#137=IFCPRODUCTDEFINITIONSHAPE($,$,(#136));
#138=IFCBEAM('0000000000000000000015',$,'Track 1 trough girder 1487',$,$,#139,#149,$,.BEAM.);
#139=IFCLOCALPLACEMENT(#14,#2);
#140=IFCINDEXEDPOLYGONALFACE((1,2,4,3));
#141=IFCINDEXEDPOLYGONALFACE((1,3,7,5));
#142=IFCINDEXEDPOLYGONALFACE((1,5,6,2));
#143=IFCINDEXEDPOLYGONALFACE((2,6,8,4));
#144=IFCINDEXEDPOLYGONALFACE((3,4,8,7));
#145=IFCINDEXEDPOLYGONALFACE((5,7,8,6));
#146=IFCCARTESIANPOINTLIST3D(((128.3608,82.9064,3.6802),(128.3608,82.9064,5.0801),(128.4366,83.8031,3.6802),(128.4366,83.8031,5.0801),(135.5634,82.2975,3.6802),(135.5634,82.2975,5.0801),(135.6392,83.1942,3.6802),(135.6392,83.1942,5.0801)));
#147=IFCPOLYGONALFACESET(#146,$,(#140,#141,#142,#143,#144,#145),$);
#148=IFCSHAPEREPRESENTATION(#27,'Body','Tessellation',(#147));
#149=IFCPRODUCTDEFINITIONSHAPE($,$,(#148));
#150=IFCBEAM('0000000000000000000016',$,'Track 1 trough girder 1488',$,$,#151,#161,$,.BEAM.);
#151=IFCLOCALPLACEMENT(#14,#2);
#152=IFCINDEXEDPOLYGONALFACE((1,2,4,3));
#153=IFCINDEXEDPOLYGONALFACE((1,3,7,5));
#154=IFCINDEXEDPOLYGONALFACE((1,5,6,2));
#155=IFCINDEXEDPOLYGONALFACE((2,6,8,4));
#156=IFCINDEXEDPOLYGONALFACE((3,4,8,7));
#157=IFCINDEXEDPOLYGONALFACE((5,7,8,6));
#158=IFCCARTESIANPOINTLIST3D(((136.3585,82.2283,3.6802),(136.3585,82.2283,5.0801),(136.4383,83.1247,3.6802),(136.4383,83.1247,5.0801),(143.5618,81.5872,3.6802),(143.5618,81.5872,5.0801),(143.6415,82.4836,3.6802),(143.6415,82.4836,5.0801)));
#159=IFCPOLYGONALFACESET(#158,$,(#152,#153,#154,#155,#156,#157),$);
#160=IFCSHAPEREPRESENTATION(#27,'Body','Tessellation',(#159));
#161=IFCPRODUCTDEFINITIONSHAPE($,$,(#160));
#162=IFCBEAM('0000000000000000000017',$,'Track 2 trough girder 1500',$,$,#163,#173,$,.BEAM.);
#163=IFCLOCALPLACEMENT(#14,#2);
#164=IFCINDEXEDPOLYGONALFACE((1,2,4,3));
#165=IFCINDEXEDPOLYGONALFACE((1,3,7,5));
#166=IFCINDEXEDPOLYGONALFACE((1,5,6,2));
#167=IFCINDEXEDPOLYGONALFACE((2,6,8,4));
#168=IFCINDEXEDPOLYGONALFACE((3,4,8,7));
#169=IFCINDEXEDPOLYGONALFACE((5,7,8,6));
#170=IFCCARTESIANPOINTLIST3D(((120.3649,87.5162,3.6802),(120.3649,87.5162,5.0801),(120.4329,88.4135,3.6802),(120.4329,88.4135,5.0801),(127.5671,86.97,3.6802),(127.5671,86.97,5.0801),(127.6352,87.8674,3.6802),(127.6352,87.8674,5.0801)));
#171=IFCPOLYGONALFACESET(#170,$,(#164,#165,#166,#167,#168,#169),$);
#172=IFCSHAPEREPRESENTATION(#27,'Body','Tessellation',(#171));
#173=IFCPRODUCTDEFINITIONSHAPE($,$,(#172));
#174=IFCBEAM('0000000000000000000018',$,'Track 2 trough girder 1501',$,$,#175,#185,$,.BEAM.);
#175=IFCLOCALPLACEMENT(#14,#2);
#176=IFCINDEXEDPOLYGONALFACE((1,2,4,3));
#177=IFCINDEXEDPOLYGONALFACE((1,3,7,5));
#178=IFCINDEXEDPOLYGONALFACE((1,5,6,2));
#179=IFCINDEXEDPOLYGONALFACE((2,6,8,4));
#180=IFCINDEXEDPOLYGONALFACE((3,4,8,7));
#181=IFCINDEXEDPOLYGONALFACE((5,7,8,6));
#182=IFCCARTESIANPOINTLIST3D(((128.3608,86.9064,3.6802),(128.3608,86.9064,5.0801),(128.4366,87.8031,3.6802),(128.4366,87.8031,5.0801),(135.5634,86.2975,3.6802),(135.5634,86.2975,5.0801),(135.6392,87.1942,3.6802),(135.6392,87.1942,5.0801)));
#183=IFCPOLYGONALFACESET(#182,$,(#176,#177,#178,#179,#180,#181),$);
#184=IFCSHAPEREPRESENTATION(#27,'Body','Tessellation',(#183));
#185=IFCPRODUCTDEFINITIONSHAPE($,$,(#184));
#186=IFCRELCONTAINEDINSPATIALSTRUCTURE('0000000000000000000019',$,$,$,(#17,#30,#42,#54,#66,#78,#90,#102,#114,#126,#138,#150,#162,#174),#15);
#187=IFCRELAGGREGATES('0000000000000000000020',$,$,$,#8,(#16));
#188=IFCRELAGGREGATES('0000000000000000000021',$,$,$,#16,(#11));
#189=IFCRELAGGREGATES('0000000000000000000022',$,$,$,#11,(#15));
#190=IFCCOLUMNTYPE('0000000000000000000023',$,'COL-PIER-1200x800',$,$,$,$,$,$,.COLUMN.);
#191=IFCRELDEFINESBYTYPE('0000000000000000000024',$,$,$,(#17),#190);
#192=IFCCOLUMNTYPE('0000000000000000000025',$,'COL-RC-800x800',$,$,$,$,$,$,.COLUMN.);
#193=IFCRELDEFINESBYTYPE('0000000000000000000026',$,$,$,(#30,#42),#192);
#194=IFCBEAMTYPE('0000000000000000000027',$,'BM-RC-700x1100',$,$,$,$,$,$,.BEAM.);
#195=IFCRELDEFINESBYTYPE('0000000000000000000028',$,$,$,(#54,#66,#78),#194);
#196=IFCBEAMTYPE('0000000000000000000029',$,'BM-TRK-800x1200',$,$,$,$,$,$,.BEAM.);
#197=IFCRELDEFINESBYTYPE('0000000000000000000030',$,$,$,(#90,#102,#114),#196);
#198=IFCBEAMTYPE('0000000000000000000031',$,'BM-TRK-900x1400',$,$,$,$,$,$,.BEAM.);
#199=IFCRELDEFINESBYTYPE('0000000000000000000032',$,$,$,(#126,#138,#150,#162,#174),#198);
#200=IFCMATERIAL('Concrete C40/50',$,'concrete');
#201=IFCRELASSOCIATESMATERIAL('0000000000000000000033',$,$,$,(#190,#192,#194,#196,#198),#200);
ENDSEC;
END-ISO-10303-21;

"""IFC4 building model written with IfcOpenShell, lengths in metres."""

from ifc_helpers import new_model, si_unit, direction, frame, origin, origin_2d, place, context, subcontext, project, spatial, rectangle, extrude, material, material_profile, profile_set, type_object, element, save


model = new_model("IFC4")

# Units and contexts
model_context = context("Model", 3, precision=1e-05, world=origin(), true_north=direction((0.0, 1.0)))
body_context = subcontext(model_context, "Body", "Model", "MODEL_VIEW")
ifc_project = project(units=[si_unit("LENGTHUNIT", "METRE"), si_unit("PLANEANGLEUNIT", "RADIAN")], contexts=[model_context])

========

Work request:
Copy the records above faithfully. Begin at their first line, end at the line containing "#151=IFCLOCALPLACEMENT(#14,#2);", and include nothing else.

Exercise solution:
#137=IFCPRODUCTDEFINITIONSHAPE($,$,(#136));
#138=IFCBEAM('0000000000000000000015',$,'Track 1 trough girder 1487',$,$,#139,#149,$,.BEAM.);
#139=IFCLOCALPLACEMENT(#14,#2);
#140=IFCINDEXEDPOLYGONALFACE((1,2,4,3));
#141=IFCINDEXEDPOLYGONALFACE((1,3,7,5));
#142=IFCINDEXEDPOLYGONALFACE((1,5,6,2));
#143=IFCINDEXEDPOLYGONALFACE((2,6,8,4));
#144=IFCINDEXEDPOLYGONALFACE((3,4,8,7));
#145=IFCINDEXEDPOLYGONALFACE((5,7,8,6));
#146=IFCCARTESIANPOINTLIST3D(((128.3608,82.9064,3.6802),(128.3608,82.9064,5.0801),(128.4366,83.8031,3.6802),(128.4366,83.8031,5.0801),(135.5634,82.2975,3.6802),(135.5634,82.2975,5.0801),(135.6392,83.1942,3.6802),(135.6392,83.1942,5.0801)));
#147=IFCPOLYGONALFACESET(#146,$,(#140,#141,#142,#143,#144,#145),$);
#148=IFCSHAPEREPRESENTATION(#27,'Body','Tessellation',(#147));
#149=IFCPRODUCTDEFINITIONSHAPE($,$,(#148));
#150=IFCBEAM('0000000000000000000016',$,'Track 1 trough girder 1488',$,$,#151,#161,$,.BEAM.);
#151=IFCLOCALPLACEMENT(#14,#2);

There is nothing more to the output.